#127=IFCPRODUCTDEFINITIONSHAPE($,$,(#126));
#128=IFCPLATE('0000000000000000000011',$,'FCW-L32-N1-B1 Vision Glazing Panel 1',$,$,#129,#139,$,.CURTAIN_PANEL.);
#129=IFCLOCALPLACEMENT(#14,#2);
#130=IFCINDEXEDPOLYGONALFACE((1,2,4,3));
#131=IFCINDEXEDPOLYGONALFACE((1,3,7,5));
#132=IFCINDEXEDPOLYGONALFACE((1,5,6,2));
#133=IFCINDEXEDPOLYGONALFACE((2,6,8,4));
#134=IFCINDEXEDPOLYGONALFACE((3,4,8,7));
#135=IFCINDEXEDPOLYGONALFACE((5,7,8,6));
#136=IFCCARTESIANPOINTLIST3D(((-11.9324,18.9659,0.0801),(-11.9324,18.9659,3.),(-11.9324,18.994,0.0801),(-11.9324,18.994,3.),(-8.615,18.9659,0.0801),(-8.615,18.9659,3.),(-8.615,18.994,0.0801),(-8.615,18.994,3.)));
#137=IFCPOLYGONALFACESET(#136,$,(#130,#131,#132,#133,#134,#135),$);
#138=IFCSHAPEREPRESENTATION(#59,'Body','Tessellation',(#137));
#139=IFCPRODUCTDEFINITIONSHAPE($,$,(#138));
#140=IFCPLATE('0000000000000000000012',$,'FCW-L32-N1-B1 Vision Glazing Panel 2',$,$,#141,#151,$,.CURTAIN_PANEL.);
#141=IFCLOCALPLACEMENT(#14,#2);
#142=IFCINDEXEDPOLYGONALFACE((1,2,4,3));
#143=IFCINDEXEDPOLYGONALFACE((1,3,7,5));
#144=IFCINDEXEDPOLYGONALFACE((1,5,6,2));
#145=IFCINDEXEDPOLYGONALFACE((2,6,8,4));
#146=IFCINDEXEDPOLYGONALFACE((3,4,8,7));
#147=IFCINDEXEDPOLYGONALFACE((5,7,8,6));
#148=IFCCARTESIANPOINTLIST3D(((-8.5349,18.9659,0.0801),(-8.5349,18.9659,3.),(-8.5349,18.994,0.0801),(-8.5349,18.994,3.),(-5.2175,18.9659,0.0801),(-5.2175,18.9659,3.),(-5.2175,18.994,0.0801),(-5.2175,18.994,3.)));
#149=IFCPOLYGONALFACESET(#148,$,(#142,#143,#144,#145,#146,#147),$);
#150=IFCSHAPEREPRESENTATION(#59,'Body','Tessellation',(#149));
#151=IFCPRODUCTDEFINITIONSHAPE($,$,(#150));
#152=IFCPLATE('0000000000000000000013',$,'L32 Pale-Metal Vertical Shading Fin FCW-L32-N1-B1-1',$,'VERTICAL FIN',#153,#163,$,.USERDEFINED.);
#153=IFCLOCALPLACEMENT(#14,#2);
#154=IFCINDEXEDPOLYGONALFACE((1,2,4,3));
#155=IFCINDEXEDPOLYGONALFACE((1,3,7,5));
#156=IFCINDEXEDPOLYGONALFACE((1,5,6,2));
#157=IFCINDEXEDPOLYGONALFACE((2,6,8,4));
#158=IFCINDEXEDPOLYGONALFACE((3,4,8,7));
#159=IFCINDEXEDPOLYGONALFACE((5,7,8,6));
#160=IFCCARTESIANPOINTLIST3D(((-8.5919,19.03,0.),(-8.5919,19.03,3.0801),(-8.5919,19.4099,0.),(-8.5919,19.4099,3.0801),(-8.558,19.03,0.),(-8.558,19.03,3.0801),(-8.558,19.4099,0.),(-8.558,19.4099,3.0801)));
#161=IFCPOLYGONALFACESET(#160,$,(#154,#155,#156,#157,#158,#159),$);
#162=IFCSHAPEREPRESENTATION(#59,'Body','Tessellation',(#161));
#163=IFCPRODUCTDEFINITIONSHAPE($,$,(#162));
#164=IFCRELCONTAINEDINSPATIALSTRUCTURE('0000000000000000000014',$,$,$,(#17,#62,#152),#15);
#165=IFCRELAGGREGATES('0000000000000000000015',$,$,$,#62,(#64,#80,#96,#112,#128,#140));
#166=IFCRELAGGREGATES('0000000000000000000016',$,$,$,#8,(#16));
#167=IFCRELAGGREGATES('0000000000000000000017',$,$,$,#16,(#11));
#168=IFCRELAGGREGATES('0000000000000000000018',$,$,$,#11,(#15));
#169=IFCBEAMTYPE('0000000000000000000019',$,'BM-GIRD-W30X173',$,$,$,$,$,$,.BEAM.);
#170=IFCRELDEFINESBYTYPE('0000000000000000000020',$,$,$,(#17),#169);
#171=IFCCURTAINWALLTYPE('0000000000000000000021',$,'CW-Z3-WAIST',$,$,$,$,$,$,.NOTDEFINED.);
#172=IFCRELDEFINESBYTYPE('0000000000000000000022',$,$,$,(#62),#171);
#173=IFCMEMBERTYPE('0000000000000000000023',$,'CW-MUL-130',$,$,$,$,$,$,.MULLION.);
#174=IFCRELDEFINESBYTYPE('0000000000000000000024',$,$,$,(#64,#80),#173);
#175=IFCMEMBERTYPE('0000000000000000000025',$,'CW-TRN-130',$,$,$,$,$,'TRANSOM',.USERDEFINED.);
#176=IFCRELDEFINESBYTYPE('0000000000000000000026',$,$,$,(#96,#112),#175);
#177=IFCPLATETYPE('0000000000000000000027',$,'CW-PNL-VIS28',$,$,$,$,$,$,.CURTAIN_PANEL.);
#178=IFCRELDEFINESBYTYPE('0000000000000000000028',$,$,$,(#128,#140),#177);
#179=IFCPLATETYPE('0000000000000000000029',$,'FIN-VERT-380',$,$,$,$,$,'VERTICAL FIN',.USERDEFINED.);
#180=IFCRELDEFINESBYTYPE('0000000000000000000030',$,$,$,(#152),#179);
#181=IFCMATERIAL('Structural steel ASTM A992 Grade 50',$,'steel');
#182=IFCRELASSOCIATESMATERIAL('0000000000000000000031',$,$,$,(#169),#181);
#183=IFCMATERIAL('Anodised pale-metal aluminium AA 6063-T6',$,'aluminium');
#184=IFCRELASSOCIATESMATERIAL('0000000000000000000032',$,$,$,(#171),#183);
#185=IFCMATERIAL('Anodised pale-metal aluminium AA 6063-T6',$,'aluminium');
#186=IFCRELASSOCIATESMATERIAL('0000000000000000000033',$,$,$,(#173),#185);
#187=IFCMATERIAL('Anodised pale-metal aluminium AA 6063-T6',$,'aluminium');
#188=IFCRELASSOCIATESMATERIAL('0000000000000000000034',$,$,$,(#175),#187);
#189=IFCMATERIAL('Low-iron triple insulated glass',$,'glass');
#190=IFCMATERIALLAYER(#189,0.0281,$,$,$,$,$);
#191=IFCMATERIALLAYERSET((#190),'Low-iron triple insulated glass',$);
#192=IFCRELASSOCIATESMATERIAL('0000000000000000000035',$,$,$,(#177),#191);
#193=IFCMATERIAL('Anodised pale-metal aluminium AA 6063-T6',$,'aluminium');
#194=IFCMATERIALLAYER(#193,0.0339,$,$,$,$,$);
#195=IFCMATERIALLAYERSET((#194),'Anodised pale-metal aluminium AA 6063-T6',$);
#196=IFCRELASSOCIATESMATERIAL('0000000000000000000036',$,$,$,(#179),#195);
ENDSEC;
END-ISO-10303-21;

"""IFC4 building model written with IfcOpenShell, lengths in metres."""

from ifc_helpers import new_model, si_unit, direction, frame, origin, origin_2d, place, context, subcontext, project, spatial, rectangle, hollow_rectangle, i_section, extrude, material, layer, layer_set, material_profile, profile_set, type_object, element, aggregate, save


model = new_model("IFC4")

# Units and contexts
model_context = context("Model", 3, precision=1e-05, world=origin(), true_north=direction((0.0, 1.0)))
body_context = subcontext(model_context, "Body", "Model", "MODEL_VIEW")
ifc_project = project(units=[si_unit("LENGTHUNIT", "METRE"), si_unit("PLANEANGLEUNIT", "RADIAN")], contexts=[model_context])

** TASK **
The required output is each line of the entries that contains the word "Anodised".

** YOUR SOLUTION **
#183=IFCMATERIAL('Anodised pale-metal aluminium AA 6063-T6',$,'aluminium');
#185=IFCMATERIAL('Anodised pale-metal aluminium AA 6063-T6',$,'aluminium');
#187=IFCMATERIAL('Anodised pale-metal aluminium AA 6063-T6',$,'aluminium');
#193=IFCMATERIAL('Anodised pale-metal aluminium AA 6063-T6',$,'aluminium');
#195=IFCMATERIALLAYERSET((#194),'Anodised pale-metal aluminium AA 6063-T6',$);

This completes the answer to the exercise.